Records supplied —
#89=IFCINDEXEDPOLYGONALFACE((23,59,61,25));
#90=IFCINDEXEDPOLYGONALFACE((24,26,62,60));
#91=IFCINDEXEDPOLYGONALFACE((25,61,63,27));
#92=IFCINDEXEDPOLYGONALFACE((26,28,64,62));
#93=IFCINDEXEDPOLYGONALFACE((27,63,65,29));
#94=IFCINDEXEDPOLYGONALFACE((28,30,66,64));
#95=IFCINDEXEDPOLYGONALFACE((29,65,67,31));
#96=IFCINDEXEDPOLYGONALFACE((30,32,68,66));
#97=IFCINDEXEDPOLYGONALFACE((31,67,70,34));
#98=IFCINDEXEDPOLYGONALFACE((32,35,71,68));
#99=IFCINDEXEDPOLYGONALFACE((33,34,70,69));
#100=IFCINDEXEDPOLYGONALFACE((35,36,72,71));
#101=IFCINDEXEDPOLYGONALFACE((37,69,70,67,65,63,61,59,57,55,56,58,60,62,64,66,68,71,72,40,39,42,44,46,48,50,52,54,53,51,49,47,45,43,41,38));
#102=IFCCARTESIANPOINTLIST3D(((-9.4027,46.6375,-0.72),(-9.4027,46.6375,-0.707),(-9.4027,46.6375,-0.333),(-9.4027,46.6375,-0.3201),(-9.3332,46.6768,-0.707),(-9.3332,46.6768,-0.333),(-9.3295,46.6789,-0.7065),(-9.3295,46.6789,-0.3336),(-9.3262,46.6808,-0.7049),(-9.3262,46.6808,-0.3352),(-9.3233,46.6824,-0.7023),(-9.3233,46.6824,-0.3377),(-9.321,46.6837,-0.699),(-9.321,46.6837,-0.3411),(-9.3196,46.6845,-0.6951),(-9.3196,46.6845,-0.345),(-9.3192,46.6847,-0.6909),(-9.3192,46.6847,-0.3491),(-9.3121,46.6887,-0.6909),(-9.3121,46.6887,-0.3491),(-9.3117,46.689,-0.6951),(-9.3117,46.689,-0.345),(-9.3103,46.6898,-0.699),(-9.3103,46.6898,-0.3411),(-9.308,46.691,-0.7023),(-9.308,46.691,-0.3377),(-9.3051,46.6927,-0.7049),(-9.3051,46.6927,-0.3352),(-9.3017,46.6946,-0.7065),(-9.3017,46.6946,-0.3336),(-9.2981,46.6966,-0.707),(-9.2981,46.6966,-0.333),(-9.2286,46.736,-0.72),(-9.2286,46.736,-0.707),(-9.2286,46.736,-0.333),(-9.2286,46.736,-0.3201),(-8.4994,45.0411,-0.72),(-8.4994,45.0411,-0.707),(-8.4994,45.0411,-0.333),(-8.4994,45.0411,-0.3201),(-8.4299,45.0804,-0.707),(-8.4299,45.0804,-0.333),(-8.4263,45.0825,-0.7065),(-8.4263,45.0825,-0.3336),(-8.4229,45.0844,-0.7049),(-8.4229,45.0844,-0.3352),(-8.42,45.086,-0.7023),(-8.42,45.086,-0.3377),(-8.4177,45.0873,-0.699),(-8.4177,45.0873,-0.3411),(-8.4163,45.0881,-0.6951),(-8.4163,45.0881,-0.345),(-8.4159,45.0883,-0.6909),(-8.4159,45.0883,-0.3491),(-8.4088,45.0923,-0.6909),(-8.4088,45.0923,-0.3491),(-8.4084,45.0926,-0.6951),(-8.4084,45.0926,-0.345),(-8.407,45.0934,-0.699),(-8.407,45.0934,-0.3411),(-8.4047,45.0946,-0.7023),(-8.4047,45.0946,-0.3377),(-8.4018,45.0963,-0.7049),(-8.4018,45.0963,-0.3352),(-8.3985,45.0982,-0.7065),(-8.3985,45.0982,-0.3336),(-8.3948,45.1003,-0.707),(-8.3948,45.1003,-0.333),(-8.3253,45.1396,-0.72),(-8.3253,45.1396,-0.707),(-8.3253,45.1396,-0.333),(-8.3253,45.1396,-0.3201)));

Activity — Everything above must be retyped. Keep each record exactly the same.

Result for this task —
#89=IFCINDEXEDPOLYGONALFACE((23,59,61,25));
#90=IFCINDEXEDPOLYGONALFACE((24,26,62,60));
#91=IFCINDEXEDPOLYGONALFACE((25,61,63,27));
#92=IFCINDEXEDPOLYGONALFACE((26,28,64,62));
#93=IFCINDEXEDPOLYGONALFACE((27,63,65,29));
#94=IFCINDEXEDPOLYGONALFACE((28,30,66,64));
#95=IFCINDEXEDPOLYGONALFACE((29,65,67,31));
#96=IFCINDEXEDPOLYGONALFACE((30,32,68,66));
#97=IFCINDEXEDPOLYGONALFACE((31,67,70,34));
#98=IFCINDEXEDPOLYGONALFACE((32,35,71,68));
#99=IFCINDEXEDPOLYGONALFACE((33,34,70,69));
#100=IFCINDEXEDPOLYGONALFACE((35,36,72,71));
#101=IFCINDEXEDPOLYGONALFACE((37,69,70,67,65,63,61,59,57,55,56,58,60,62,64,66,68,71,72,40,39,42,44,46,48,50,52,54,53,51,49,47,45,43,41,38));
#102=IFCCARTESIANPOINTLIST3D(((-9.4027,46.6375,-0.72),(-9.4027,46.6375,-0.707),(-9.4027,46.6375,-0.333),(-9.4027,46.6375,-0.3201),(-9.3332,46.6768,-0.707),(-9.3332,46.6768,-0.333),(-9.3295,46.6789,-0.7065),(-9.3295,46.6789,-0.3336),(-9.3262,46.6808,-0.7049),(-9.3262,46.6808,-0.3352),(-9.3233,46.6824,-0.7023),(-9.3233,46.6824,-0.3377),(-9.321,46.6837,-0.699),(-9.321,46.6837,-0.3411),(-9.3196,46.6845,-0.6951),(-9.3196,46.6845,-0.345),(-9.3192,46.6847,-0.6909),(-9.3192,46.6847,-0.3491),(-9.3121,46.6887,-0.6909),(-9.3121,46.6887,-0.3491),(-9.3117,46.689,-0.6951),(-9.3117,46.689,-0.345),(-9.3103,46.6898,-0.699),(-9.3103,46.6898,-0.3411),(-9.308,46.691,-0.7023),(-9.308,46.691,-0.3377),(-9.3051,46.6927,-0.7049),(-9.3051,46.6927,-0.3352),(-9.3017,46.6946,-0.7065),(-9.3017,46.6946,-0.3336),(-9.2981,46.6966,-0.707),(-9.2981,46.6966,-0.333),(-9.2286,46.736,-0.72),(-9.2286,46.736,-0.707),(-9.2286,46.736,-0.333),(-9.2286,46.736,-0.3201),(-8.4994,45.0411,-0.72),(-8.4994,45.0411,-0.707),(-8.4994,45.0411,-0.333),(-8.4994,45.0411,-0.3201),(-8.4299,45.0804,-0.707),(-8.4299,45.0804,-0.333),(-8.4263,45.0825,-0.7065),(-8.4263,45.0825,-0.3336),(-8.4229,45.0844,-0.7049),(-8.4229,45.0844,-0.3352),(-8.42,45.086,-0.7023),(-8.42,45.086,-0.3377),(-8.4177,45.0873,-0.699),(-8.4177,45.0873,-0.3411),(-8.4163,45.0881,-0.6951),(-8.4163,45.0881,-0.345),(-8.4159,45.0883,-0.6909),(-8.4159,45.0883,-0.3491),(-8.4088,45.0923,-0.6909),(-8.4088,45.0923,-0.3491),(-8.4084,45.0926,-0.6951),(-8.4084,45.0926,-0.345),(-8.407,45.0934,-0.699),(-8.407,45.0934,-0.3411),(-8.4047,45.0946,-0.7023),(-8.4047,45.0946,-0.3377),(-8.4018,45.0963,-0.7049),(-8.4018,45.0963,-0.3352),(-8.3985,45.0982,-0.7065),(-8.3985,45.0982,-0.3336),(-8.3948,45.1003,-0.707),(-8.3948,45.1003,-0.333),(-8.3253,45.1396,-0.72),(-8.3253,45.1396,-0.707),(-8.3253,45.1396,-0.333),(-8.3253,45.1396,-0.3201)));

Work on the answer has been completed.